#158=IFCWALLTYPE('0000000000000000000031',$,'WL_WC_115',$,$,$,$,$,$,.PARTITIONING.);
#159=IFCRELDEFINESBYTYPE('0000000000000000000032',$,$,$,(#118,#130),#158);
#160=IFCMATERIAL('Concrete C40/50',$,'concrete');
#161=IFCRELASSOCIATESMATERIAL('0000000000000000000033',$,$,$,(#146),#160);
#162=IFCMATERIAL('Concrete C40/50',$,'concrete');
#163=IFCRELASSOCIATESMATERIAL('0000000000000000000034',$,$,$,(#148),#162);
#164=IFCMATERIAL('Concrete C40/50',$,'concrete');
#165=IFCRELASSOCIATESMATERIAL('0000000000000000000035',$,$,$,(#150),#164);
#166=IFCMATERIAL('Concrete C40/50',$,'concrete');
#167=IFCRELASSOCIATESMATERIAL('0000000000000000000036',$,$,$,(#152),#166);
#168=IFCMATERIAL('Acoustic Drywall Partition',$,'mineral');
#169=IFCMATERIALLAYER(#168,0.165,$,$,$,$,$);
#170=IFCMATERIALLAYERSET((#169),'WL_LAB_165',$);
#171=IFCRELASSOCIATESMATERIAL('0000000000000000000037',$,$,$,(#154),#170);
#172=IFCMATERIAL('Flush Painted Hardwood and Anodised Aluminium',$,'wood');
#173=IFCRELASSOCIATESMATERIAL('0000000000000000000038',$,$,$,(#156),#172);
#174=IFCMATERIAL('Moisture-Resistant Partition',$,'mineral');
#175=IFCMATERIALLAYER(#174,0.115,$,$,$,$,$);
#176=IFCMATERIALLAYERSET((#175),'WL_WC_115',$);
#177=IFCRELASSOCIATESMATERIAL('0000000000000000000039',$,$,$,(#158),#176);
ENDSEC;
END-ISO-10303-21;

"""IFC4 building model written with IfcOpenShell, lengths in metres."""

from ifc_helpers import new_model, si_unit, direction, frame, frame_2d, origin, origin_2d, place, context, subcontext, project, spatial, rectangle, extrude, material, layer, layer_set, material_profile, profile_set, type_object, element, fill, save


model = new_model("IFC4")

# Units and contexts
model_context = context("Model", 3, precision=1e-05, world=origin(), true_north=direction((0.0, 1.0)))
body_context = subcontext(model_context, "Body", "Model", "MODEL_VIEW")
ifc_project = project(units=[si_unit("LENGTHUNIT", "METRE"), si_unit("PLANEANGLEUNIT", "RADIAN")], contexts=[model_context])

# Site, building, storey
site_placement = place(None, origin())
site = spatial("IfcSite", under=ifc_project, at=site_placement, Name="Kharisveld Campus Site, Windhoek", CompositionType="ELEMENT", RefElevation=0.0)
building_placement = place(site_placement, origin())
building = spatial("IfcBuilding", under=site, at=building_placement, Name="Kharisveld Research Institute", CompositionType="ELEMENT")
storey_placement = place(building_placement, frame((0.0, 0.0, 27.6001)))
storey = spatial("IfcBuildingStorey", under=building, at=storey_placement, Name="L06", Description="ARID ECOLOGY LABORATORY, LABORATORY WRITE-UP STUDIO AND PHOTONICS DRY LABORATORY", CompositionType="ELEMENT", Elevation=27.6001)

§ **Problem to work on**: Would you retype the records above without changing a word?

§ **Finished exercise**:
#158=IFCWALLTYPE('0000000000000000000031',$,'WL_WC_115',$,$,$,$,$,$,.PARTITIONING.);
#159=IFCRELDEFINESBYTYPE('0000000000000000000032',$,$,$,(#118,#130),#158);
#160=IFCMATERIAL('Concrete C40/50',$,'concrete');
#161=IFCRELASSOCIATESMATERIAL('0000000000000000000033',$,$,$,(#146),#160);
#162=IFCMATERIAL('Concrete C40/50',$,'concrete');
#163=IFCRELASSOCIATESMATERIAL('0000000000000000000034',$,$,$,(#148),#162);
#164=IFCMATERIAL('Concrete C40/50',$,'concrete');
#165=IFCRELASSOCIATESMATERIAL('0000000000000000000035',$,$,$,(#150),#164);
#166=IFCMATERIAL('Concrete C40/50',$,'concrete');
#167=IFCRELASSOCIATESMATERIAL('0000000000000000000036',$,$,$,(#152),#166);
#168=IFCMATERIAL('Acoustic Drywall Partition',$,'mineral');
#169=IFCMATERIALLAYER(#168,0.165,$,$,$,$,$);
#170=IFCMATERIALLAYERSET((#169),'WL_LAB_165',$);
#171=IFCRELASSOCIATESMATERIAL('0000000000000000000037',$,$,$,(#154),#170);
#172=IFCMATERIAL('Flush Painted Hardwood and Anodised Aluminium',$,'wood');
#173=IFCRELASSOCIATESMATERIAL('0000000000000000000038',$,$,$,(#156),#172);
#174=IFCMATERIAL('Moisture-Resistant Partition',$,'mineral');
#175=IFCMATERIALLAYER(#174,0.115,$,$,$,$,$);
#176=IFCMATERIALLAYERSET((#175),'WL_WC_115',$);
#177=IFCRELASSOCIATESMATERIAL('0000000000000000000039',$,$,$,(#158),#176);
ENDSEC;
END-ISO-10303-21;

"""IFC4 building model written with IfcOpenShell, lengths in metres."""

from ifc_helpers import new_model, si_unit, direction, frame, frame_2d, origin, origin_2d, place, context, subcontext, project, spatial, rectangle, extrude, material, layer, layer_set, material_profile, profile_set, type_object, element, fill, save


model = new_model("IFC4")

# Units and contexts
model_context = context("Model", 3, precision=1e-05, world=origin(), true_north=direction((0.0, 1.0)))
body_context = subcontext(model_context, "Body", "Model", "MODEL_VIEW")
ifc_project = project(units=[si_unit("LENGTHUNIT", "METRE"), si_unit("PLANEANGLEUNIT", "RADIAN")], contexts=[model_context])

# Site, building, storey
site_placement = place(None, origin())
site = spatial("IfcSite", under=ifc_project, at=site_placement, Name="Kharisveld Campus Site, Windhoek", CompositionType="ELEMENT", RefElevation=0.0)
building_placement = place(site_placement, origin())
building = spatial("IfcBuilding", under=site, at=building_placement, Name="Kharisveld Research Institute", CompositionType="ELEMENT")
storey_placement = place(building_placement, frame((0.0, 0.0, 27.6001)))
storey = spatial("IfcBuildingStorey", under=building, at=storey_placement, Name="L06", Description="ARID ECOLOGY LABORATORY, LABORATORY WRITE-UP STUDIO AND PHOTONICS DRY LABORATORY", CompositionType="ELEMENT", Elevation=27.6001)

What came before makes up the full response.